**Task:**
Search the entries below for "IFCDIRECTION", and copy each line where it appears.

**Task input:**
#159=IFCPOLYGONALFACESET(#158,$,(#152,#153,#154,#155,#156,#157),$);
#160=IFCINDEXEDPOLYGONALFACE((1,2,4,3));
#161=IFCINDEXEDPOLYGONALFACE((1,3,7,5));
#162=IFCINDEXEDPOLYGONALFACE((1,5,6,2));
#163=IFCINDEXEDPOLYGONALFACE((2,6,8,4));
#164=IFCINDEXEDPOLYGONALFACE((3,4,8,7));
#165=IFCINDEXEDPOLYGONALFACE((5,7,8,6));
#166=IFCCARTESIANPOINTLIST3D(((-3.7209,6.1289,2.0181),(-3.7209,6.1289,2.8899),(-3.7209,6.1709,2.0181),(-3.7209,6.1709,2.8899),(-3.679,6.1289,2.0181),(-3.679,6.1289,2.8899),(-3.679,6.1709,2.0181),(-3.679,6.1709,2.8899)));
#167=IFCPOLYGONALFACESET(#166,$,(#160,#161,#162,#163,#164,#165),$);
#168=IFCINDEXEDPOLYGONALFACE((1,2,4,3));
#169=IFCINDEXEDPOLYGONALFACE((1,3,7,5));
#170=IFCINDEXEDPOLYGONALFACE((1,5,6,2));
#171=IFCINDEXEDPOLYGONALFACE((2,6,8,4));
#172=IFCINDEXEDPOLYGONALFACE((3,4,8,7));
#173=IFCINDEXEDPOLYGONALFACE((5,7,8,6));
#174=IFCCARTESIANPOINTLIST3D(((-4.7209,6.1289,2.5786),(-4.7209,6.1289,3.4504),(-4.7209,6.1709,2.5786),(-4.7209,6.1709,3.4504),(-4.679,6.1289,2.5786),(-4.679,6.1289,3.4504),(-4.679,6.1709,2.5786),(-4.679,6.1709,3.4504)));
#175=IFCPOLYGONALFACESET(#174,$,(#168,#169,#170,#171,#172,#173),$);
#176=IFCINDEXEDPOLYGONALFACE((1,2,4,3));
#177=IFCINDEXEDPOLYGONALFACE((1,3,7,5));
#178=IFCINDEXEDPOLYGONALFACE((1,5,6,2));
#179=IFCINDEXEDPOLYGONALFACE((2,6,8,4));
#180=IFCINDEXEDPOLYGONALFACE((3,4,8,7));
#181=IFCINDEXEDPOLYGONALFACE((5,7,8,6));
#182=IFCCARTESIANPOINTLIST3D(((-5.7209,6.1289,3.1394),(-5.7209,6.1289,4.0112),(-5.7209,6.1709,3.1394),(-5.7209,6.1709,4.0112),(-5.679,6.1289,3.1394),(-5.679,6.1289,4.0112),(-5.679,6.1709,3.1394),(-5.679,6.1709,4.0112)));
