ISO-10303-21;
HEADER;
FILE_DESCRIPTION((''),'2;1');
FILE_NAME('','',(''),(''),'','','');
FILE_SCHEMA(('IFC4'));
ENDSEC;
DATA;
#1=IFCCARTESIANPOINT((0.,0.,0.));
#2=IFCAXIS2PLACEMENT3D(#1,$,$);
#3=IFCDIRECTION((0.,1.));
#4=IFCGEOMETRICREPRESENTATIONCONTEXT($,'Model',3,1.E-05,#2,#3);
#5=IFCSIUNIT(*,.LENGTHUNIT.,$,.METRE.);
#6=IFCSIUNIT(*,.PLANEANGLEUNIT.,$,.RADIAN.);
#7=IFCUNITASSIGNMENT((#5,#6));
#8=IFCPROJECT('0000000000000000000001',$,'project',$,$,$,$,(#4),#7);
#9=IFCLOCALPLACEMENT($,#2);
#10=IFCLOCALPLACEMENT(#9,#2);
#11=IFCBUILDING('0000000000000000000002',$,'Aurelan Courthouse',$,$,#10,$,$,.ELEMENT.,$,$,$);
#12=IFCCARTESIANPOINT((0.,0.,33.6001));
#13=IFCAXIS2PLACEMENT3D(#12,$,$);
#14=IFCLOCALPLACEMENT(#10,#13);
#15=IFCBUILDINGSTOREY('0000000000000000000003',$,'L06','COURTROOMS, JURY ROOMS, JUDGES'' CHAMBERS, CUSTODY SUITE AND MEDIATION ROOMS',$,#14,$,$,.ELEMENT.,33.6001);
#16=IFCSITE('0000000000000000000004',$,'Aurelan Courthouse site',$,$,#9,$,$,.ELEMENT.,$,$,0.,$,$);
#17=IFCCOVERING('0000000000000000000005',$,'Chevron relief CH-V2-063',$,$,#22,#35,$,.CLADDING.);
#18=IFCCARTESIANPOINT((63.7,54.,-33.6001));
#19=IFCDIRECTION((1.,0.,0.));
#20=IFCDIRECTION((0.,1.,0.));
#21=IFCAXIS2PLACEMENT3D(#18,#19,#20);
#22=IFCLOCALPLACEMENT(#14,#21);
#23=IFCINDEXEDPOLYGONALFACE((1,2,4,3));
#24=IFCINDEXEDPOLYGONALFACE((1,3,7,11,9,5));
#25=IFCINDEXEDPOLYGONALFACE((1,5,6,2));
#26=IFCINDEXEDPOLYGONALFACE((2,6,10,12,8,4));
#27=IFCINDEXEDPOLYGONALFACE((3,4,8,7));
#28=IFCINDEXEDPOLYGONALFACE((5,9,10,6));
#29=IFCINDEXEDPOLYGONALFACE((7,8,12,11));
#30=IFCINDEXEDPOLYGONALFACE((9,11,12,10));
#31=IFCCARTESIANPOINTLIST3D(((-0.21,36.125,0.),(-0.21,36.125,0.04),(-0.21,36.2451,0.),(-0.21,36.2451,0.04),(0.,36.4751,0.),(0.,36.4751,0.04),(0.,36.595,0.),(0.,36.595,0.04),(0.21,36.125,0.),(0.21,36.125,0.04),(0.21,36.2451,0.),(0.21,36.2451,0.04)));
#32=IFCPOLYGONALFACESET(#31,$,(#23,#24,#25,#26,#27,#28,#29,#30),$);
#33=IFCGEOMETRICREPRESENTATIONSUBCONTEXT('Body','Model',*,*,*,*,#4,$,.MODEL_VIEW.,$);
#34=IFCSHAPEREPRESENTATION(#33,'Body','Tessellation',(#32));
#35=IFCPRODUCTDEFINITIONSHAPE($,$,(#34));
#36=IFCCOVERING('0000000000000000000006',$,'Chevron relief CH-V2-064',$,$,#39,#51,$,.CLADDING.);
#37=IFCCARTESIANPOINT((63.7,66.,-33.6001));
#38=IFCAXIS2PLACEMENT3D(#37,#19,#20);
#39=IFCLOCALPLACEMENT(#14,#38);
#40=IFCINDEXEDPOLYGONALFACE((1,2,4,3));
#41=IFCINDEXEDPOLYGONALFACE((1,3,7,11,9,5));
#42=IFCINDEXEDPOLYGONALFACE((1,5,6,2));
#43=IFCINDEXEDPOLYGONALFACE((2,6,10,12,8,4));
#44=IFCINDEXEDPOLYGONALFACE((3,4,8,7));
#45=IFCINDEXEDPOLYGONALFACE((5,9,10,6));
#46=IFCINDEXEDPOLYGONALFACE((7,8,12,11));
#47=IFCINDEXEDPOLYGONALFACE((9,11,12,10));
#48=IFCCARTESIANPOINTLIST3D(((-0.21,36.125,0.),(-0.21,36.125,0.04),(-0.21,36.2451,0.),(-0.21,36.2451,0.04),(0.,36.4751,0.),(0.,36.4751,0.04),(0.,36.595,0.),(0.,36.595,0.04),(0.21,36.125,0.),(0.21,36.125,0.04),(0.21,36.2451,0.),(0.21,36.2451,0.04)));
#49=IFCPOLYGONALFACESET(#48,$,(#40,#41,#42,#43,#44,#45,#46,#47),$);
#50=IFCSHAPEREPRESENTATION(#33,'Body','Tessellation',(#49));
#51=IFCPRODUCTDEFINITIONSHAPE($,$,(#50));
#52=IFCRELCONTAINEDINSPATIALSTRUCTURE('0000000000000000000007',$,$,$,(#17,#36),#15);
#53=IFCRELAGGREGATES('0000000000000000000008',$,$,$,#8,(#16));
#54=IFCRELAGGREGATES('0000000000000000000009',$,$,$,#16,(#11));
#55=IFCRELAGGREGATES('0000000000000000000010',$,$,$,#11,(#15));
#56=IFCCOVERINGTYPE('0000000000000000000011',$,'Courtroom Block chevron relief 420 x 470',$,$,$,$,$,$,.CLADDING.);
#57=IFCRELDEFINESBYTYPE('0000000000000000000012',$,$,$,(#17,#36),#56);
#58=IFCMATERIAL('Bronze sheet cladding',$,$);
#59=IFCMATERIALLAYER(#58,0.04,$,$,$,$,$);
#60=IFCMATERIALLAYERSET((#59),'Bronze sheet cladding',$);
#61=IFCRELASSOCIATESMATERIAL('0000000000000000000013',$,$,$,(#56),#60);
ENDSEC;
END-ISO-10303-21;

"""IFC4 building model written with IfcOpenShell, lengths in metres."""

from ifc_helpers import new_model, si_unit, direction, frame, origin, place, context, subcontext, project, spatial, polyline, outline, extrude, material, layer, layer_set, type_object, element, save


model = new_model("IFC4")

# Units and contexts
model_context = context("Model", 3, precision=1e-05, world=origin(), true_north=direction((0.0, 1.0)))
body_context = subcontext(model_context, "Body", "Model", "MODEL_VIEW")
ifc_project = project(units=[si_unit("LENGTHUNIT", "METRE"), si_unit("PLANEANGLEUNIT", "RADIAN")], contexts=[model_context])

# Site, building, storey
site_placement = place(None, origin())
site = spatial("IfcSite", under=ifc_project, at=site_placement, Name="Aurelan Courthouse site", CompositionType="ELEMENT", RefElevation=0.0)
building_placement = place(site_placement, origin())
building = spatial("IfcBuilding", under=site, at=building_placement, Name="Aurelan Courthouse", CompositionType="ELEMENT")
storey_placement = place(building_placement, frame((0.0, 0.0, 33.6001)))
storey = spatial("IfcBuildingStorey", under=building, at=storey_placement, Name="L06", Description="COURTROOMS, JURY ROOMS, JUDGES' CHAMBERS, CUSTODY SUITE AND MEDIATION ROOMS", CompositionType="ELEMENT", Elevation=33.6001)

# Coverings
ifc_material_1 = material(Name="Bronze sheet cladding")
ifc_layer_1 = layer(ifc_material_1, 0.04)
ifc_layer_set_1 = layer_set([ifc_layer_1], Name="Bronze sheet cladding")
covering_type_1 = type_object("IfcCoveringType", Name="Courtroom Block chevron relief 420 x 470", PredefinedType="CLADDING", material=ifc_layer_set_1)
for number, where, z_axis, x_axis, name in (
    (1, (63.7, 54.0, -33.6001), (1.0, 0.0, 0.0), (0.0, 1.0, 0.0), "Chevron relief CH-V2-063"),
    (2, (63.7, 66.0, -33.6001), (1.0, 0.0, 0.0), (0.0, 1.0, 0.0), "Chevron relief CH-V2-064"),
):
    element("IfcCovering", number, at=place(storey_placement, frame(where, z_axis=z_axis, x_axis=x_axis)), inside=storey, type_object=covering_type_1, Name=name, PredefinedType="CLADDING", context=body_context, shape_type="SweptSolid", body=[
        extrude(outline(polyline([(-0.21, 36.125), (0.0, 36.4751), (0.21, 36.125), (0.21, 36.2451), (0.0, 36.595), (-0.21, 36.2451), (-0.21, 36.125)])), origin(), (0.0, 0.0, 1.0), 0.04),
    ])

save(model, "model.ifc")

**Finished task:**
#3=IFCDIRECTION((0.,1.));
#19=IFCDIRECTION((1.,0.,0.));
#20=IFCDIRECTION((0.,1.,0.));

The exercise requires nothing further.